** Supplied data follows **
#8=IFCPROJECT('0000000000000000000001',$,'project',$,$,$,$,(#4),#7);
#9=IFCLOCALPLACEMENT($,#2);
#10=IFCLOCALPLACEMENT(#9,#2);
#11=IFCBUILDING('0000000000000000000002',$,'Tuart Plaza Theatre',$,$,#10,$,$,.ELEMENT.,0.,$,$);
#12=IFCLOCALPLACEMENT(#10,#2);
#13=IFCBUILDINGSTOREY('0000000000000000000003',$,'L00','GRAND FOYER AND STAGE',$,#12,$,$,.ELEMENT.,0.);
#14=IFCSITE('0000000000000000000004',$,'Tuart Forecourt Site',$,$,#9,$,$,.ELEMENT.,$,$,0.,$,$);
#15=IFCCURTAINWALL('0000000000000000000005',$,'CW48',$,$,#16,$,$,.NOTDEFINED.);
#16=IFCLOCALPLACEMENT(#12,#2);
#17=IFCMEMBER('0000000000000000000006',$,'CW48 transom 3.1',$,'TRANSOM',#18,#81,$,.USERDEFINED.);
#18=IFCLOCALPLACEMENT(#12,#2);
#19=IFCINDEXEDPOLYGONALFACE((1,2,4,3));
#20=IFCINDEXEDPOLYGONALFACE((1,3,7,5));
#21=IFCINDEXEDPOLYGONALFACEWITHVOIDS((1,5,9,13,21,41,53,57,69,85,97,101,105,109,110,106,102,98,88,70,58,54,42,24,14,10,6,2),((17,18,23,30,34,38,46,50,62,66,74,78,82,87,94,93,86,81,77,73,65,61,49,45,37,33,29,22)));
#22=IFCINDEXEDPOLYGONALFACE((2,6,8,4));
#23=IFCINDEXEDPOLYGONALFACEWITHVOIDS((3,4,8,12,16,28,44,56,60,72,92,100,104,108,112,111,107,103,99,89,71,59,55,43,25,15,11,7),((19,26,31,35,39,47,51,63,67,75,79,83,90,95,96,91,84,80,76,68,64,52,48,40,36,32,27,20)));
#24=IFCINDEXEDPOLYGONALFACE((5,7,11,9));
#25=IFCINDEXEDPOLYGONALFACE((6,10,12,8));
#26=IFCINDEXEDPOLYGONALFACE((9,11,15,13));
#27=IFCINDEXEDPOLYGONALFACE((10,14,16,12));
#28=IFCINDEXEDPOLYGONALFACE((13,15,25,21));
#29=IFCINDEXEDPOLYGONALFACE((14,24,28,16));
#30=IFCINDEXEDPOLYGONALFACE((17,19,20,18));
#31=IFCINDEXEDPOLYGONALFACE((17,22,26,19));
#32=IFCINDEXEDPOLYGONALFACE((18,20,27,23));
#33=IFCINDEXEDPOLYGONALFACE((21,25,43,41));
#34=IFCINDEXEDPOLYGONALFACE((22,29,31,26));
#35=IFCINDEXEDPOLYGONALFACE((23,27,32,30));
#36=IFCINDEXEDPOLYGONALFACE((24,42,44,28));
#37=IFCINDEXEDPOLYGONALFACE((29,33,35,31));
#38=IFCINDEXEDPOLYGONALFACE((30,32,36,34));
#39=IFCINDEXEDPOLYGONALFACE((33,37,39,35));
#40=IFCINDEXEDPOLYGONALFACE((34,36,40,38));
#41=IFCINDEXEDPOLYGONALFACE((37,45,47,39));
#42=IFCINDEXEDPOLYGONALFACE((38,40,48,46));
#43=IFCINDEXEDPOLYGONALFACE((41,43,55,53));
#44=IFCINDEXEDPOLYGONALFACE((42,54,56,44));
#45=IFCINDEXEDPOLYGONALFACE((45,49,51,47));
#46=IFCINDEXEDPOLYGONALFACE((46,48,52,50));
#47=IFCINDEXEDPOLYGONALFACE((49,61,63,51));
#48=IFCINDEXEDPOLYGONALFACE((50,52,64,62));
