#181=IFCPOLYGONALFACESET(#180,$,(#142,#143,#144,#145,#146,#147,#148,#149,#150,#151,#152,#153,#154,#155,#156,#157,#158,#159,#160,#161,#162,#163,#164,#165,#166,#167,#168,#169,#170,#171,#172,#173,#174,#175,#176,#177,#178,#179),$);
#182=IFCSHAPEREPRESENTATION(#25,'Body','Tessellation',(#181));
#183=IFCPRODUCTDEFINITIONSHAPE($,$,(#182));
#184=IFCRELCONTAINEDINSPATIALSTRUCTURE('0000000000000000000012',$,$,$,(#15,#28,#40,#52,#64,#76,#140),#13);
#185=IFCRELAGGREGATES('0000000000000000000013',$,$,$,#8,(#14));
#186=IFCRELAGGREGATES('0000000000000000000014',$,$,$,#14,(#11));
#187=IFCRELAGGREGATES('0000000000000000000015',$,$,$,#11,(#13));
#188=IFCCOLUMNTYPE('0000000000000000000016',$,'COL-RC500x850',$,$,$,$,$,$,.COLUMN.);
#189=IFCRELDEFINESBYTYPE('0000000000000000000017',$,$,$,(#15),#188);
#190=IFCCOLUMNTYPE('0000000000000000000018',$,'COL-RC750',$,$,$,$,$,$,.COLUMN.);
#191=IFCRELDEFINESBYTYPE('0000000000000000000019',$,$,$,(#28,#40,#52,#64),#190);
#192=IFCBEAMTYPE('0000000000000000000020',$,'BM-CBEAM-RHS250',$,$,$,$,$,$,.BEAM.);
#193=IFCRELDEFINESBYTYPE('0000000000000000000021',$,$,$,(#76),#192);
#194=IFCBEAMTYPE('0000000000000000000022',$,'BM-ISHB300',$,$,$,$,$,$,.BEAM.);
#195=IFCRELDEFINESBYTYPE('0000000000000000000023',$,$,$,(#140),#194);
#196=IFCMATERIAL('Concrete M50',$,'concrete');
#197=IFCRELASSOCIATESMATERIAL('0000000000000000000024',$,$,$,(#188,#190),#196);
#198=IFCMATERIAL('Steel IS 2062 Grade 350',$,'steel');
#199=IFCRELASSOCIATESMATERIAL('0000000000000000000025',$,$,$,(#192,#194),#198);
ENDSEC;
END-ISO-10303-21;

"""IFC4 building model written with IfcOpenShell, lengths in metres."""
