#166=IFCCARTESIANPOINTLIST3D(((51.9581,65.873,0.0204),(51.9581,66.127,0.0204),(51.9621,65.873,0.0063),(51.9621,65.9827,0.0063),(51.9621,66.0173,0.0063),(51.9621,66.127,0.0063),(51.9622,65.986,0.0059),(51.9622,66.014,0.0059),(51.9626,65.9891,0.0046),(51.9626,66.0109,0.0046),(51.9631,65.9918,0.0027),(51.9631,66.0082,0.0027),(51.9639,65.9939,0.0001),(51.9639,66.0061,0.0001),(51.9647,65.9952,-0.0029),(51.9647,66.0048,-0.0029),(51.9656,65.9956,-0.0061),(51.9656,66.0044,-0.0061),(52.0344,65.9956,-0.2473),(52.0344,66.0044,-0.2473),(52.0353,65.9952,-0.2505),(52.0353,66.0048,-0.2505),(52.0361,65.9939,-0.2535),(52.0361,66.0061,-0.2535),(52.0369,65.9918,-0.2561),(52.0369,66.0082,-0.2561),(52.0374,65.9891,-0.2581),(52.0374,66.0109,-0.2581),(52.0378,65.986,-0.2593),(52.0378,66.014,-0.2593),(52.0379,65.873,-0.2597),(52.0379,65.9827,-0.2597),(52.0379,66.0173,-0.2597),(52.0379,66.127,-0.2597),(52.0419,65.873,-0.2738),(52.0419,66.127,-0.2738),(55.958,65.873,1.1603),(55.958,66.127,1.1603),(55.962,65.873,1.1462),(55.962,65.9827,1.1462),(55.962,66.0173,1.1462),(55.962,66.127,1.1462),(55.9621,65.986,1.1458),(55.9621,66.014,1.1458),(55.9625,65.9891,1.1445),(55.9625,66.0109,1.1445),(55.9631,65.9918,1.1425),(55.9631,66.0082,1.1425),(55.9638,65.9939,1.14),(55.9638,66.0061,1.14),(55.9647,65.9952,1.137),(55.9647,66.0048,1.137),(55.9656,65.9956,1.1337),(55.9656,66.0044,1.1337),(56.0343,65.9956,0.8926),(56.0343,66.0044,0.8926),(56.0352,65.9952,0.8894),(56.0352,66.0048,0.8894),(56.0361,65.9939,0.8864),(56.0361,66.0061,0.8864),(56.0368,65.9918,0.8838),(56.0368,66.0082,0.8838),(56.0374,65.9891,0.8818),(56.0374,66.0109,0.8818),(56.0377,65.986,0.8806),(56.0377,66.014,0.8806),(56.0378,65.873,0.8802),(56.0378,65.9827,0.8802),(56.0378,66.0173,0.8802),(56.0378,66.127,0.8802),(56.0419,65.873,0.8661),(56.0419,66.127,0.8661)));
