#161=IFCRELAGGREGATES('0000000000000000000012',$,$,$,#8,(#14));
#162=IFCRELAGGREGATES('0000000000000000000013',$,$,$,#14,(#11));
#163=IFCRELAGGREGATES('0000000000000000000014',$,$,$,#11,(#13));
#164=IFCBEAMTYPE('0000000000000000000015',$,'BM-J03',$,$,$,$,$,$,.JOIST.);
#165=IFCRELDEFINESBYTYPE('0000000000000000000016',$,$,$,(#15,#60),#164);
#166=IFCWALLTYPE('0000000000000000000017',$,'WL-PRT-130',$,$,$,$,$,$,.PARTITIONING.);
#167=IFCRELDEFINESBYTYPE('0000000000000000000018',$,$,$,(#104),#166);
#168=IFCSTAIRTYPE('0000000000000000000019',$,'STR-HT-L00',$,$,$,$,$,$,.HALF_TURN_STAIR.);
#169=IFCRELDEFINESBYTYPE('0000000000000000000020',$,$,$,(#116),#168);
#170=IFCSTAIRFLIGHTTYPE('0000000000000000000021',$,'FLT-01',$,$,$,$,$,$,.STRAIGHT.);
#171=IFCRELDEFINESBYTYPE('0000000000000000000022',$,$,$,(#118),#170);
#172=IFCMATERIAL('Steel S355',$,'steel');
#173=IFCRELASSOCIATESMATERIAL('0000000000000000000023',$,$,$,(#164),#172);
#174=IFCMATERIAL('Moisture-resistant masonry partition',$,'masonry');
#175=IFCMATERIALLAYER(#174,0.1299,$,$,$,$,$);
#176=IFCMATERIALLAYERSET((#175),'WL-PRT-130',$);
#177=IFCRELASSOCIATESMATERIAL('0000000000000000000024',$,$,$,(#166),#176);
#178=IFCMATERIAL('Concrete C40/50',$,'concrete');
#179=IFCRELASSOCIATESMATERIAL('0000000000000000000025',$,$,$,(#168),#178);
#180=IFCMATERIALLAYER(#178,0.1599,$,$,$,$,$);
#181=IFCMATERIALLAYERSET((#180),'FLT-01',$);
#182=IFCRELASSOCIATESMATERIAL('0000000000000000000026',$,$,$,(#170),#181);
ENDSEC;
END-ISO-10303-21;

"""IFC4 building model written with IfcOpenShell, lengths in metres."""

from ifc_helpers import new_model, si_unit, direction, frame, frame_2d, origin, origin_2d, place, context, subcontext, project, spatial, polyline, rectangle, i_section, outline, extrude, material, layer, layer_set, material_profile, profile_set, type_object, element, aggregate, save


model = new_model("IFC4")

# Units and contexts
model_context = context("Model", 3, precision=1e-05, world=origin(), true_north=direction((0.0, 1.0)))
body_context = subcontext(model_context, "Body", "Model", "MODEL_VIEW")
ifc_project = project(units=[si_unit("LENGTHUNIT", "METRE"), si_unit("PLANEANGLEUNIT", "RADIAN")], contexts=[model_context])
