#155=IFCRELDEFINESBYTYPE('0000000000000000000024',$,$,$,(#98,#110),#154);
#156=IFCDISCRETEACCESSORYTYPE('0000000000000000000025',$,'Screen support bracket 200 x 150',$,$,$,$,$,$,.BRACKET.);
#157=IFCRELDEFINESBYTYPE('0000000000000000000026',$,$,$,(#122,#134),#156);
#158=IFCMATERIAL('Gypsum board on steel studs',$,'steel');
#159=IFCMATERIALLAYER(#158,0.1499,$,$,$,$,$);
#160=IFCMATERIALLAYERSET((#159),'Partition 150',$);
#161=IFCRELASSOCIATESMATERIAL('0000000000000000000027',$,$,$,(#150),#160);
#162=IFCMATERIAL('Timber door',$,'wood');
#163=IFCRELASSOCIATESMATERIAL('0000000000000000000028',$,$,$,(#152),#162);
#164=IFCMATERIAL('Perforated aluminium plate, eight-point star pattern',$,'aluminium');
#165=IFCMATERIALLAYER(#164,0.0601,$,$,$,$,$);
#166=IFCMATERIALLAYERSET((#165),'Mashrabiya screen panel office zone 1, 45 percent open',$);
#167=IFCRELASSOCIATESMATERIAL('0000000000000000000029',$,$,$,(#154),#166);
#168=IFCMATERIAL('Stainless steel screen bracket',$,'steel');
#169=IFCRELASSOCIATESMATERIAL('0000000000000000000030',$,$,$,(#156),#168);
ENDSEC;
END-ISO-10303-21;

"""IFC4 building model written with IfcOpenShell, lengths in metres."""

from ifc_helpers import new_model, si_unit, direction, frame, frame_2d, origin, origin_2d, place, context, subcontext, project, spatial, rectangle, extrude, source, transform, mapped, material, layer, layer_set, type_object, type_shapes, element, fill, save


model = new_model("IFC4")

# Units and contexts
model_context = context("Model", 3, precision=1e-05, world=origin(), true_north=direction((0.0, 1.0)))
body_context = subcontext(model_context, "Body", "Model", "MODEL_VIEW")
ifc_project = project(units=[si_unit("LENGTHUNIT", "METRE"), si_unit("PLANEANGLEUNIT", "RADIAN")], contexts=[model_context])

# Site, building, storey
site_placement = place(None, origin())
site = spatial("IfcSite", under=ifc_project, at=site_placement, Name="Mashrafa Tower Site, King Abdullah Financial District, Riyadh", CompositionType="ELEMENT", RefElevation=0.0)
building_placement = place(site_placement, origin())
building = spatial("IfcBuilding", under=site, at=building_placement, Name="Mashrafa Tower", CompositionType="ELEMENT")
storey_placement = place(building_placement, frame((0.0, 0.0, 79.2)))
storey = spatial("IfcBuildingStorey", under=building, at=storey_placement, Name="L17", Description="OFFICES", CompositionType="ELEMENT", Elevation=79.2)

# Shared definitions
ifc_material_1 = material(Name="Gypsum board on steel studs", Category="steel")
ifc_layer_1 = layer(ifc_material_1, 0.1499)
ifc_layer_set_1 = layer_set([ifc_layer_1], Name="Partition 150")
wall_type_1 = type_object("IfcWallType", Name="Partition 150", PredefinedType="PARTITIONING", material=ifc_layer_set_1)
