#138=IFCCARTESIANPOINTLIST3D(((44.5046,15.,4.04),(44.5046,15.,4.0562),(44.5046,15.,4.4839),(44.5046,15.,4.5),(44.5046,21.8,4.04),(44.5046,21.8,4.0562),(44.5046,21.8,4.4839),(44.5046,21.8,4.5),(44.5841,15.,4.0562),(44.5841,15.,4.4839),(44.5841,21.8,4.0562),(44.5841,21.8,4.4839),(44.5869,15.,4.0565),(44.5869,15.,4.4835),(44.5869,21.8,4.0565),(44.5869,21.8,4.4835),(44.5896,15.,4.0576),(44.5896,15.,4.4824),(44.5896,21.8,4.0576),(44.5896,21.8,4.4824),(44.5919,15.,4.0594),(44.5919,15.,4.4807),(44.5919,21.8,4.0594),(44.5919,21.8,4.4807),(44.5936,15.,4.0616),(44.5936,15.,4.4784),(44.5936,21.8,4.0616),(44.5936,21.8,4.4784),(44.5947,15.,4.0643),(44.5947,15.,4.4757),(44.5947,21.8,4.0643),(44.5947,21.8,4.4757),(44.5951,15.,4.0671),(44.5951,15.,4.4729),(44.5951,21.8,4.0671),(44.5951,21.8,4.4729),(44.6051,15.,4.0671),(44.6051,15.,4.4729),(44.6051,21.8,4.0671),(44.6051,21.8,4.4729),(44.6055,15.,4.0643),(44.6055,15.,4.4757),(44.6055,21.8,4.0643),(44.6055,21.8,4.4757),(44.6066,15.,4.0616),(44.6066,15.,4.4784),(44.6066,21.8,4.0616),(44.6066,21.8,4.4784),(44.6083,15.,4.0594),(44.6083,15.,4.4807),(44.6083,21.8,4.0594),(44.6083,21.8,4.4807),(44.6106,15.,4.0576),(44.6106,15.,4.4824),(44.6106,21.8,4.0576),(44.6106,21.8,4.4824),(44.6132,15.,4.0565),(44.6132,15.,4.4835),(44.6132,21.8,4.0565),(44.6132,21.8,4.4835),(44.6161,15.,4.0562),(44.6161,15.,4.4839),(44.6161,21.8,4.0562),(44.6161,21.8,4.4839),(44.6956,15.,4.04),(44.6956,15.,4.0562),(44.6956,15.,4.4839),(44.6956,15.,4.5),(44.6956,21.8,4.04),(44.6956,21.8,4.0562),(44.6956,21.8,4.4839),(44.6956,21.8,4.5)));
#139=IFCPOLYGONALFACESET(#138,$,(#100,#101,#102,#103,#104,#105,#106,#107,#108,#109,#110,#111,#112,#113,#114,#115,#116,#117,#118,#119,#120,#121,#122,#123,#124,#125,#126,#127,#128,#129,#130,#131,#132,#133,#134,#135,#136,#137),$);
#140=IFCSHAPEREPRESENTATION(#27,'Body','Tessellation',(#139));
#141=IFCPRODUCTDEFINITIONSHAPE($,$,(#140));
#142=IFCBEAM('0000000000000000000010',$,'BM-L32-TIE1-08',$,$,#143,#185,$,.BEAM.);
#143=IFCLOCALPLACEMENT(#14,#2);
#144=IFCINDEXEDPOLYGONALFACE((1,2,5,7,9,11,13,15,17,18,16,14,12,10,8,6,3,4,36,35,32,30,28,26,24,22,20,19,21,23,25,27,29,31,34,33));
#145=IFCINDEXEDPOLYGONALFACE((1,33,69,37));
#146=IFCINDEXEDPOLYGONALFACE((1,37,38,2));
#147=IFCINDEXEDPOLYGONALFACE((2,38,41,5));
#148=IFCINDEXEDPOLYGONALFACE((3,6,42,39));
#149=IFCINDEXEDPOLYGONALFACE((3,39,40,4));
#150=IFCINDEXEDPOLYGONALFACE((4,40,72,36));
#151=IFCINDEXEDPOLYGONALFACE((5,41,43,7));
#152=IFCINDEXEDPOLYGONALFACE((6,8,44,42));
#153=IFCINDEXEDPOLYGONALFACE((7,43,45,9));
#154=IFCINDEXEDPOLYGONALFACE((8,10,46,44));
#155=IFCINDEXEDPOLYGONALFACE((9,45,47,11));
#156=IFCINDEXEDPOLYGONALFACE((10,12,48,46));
** End of Supplied data **
Output should match, line for line, the stretch of the material above from the line holding "#26=IFCINDEXEDPOLYGONALFACE((9,11,15,13));" through the line holding "#196=IFCMATERIAL('Concrete M50',$,'concrete');".

#26=IFCINDEXEDPOLYGONALFACE((9,11,15,13));
#27=IFCINDEXEDPOLYGONALFACE((10,14,16,12));
#28=IFCINDEXEDPOLYGONALFACE((13,15,25,21));
#29=IFCINDEXEDPOLYGONALFACE((14,24,28,16));
#30=IFCINDEXEDPOLYGONALFACE((17,19,20,18));
#31=IFCINDEXEDPOLYGONALFACE((17,22,26,19));
#32=IFCINDEXEDPOLYGONALFACE((18,20,27,23));
#33=IFCINDEXEDPOLYGONALFACE((21,25,43,41));
#34=IFCINDEXEDPOLYGONALFACE((22,29,31,26));
#35=IFCINDEXEDPOLYGONALFACE((23,27,32,30));
#36=IFCINDEXEDPOLYGONALFACE((24,42,44,28));
#37=IFCINDEXEDPOLYGONALFACE((29,33,35,31));
#38=IFCINDEXEDPOLYGONALFACE((30,32,36,34));
#39=IFCINDEXEDPOLYGONALFACE((33,37,39,35));
#40=IFCINDEXEDPOLYGONALFACE((34,36,40,38));
#41=IFCINDEXEDPOLYGONALFACE((37,45,47,39));
#42=IFCINDEXEDPOLYGONALFACE((38,40,48,46));
#43=IFCINDEXEDPOLYGONALFACE((41,43,55,53));
#44=IFCINDEXEDPOLYGONALFACE((42,54,56,44));
#45=IFCINDEXEDPOLYGONALFACE((45,49,51,47));
#46=IFCINDEXEDPOLYGONALFACE((46,48,52,50));
#47=IFCINDEXEDPOLYGONALFACE((49,61,63,51));
#48=IFCINDEXEDPOLYGONALFACE((50,52,64,62));
#181=IFCPOLYGONALFACESET(#180,$,(#142,#143,#144,#145,#146,#147,#148,#149,#150,#151,#152,#153,#154,#155,#156,#157,#158,#159,#160,#161,#162,#163,#164,#165,#166,#167,#168,#169,#170,#171,#172,#173,#174,#175,#176,#177,#178,#179),$);
#182=IFCSHAPEREPRESENTATION(#25,'Body','Tessellation',(#181));
#183=IFCPRODUCTDEFINITIONSHAPE($,$,(#182));
#184=IFCRELCONTAINEDINSPATIALSTRUCTURE('0000000000000000000012',$,$,$,(#15,#28,#40,#52,#64,#76,#140),#13);
#185=IFCRELAGGREGATES('0000000000000000000013',$,$,$,#8,(#14));
#186=IFCRELAGGREGATES('0000000000000000000014',$,$,$,#14,(#11));
#187=IFCRELAGGREGATES('0000000000000000000015',$,$,$,#11,(#13));
#188=IFCCOLUMNTYPE('0000000000000000000016',$,'COL-RC500x850',$,$,$,$,$,$,.COLUMN.);
#189=IFCRELDEFINESBYTYPE('0000000000000000000017',$,$,$,(#15),#188);
#190=IFCCOLUMNTYPE('0000000000000000000018',$,'COL-RC750',$,$,$,$,$,$,.COLUMN.);
#191=IFCRELDEFINESBYTYPE('0000000000000000000019',$,$,$,(#28,#40,#52,#64),#190);
#192=IFCBEAMTYPE('0000000000000000000020',$,'BM-CBEAM-RHS250',$,$,$,$,$,$,.BEAM.);
#193=IFCRELDEFINESBYTYPE('0000000000000000000021',$,$,$,(#76),#192);
#194=IFCBEAMTYPE('0000000000000000000022',$,'BM-ISHB300',$,$,$,$,$,$,.BEAM.);
#195=IFCRELDEFINESBYTYPE('0000000000000000000023',$,$,$,(#140),#194);
#196=IFCMATERIAL('Concrete M50',$,'concrete');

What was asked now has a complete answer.